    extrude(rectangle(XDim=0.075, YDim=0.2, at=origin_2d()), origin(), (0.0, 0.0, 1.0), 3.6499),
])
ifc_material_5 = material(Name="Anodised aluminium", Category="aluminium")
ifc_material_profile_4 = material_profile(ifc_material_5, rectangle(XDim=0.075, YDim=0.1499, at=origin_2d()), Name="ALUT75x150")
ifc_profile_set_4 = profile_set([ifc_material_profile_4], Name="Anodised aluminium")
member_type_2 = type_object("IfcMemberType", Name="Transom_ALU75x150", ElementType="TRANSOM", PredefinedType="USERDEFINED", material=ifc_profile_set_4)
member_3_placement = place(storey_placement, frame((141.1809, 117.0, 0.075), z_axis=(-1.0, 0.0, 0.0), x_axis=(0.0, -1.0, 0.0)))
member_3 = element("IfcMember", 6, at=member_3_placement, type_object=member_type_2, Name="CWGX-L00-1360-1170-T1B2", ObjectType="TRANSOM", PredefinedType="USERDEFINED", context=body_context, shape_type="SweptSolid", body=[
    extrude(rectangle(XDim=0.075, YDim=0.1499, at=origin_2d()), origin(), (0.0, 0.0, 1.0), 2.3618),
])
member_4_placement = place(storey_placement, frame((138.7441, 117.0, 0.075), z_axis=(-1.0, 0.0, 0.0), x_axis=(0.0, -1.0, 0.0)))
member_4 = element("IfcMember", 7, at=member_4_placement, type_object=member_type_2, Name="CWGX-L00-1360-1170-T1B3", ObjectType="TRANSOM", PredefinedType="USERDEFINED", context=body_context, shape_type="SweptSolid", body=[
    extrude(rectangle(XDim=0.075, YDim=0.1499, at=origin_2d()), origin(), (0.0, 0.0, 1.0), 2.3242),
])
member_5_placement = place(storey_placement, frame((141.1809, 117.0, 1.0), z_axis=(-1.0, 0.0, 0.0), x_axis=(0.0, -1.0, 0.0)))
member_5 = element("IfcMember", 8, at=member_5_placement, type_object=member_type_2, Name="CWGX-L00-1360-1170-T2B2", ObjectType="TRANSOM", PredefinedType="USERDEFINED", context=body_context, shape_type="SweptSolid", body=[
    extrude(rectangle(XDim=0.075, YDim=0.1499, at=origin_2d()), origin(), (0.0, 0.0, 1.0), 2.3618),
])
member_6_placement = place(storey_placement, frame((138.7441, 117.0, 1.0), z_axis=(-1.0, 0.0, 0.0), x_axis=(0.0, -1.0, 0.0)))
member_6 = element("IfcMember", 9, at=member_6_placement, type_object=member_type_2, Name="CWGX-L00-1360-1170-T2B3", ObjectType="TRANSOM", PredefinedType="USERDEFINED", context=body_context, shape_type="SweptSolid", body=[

· · · ·

• [What is expected]: Reproduce all of the material above without alteration.

• [Result]:
    extrude(rectangle(XDim=0.075, YDim=0.2, at=origin_2d()), origin(), (0.0, 0.0, 1.0), 3.6499),
])
ifc_material_5 = material(Name="Anodised aluminium", Category="aluminium")
ifc_material_profile_4 = material_profile(ifc_material_5, rectangle(XDim=0.075, YDim=0.1499, at=origin_2d()), Name="ALUT75x150")
ifc_profile_set_4 = profile_set([ifc_material_profile_4], Name="Anodised aluminium")
member_type_2 = type_object("IfcMemberType", Name="Transom_ALU75x150", ElementType="TRANSOM", PredefinedType="USERDEFINED", material=ifc_profile_set_4)
member_3_placement = place(storey_placement, frame((141.1809, 117.0, 0.075), z_axis=(-1.0, 0.0, 0.0), x_axis=(0.0, -1.0, 0.0)))
member_3 = element("IfcMember", 6, at=member_3_placement, type_object=member_type_2, Name="CWGX-L00-1360-1170-T1B2", ObjectType="TRANSOM", PredefinedType="USERDEFINED", context=body_context, shape_type="SweptSolid", body=[
    extrude(rectangle(XDim=0.075, YDim=0.1499, at=origin_2d()), origin(), (0.0, 0.0, 1.0), 2.3618),
])
member_4_placement = place(storey_placement, frame((138.7441, 117.0, 0.075), z_axis=(-1.0, 0.0, 0.0), x_axis=(0.0, -1.0, 0.0)))
member_4 = element("IfcMember", 7, at=member_4_placement, type_object=member_type_2, Name="CWGX-L00-1360-1170-T1B3", ObjectType="TRANSOM", PredefinedType="USERDEFINED", context=body_context, shape_type="SweptSolid", body=[
    extrude(rectangle(XDim=0.075, YDim=0.1499, at=origin_2d()), origin(), (0.0, 0.0, 1.0), 2.3242),
])
member_5_placement = place(storey_placement, frame((141.1809, 117.0, 1.0), z_axis=(-1.0, 0.0, 0.0), x_axis=(0.0, -1.0, 0.0)))
member_5 = element("IfcMember", 8, at=member_5_placement, type_object=member_type_2, Name="CWGX-L00-1360-1170-T2B2", ObjectType="TRANSOM", PredefinedType="USERDEFINED", context=body_context, shape_type="SweptSolid", body=[
    extrude(rectangle(XDim=0.075, YDim=0.1499, at=origin_2d()), origin(), (0.0, 0.0, 1.0), 2.3618),
])
member_6_placement = place(storey_placement, frame((138.7441, 117.0, 1.0), z_axis=(-1.0, 0.0, 0.0), x_axis=(0.0, -1.0, 0.0)))
member_6 = element("IfcMember", 9, at=member_6_placement, type_object=member_type_2, Name="CWGX-L00-1360-1170-T2B3", ObjectType="TRANSOM", PredefinedType="USERDEFINED", context=body_context, shape_type="SweptSolid", body=[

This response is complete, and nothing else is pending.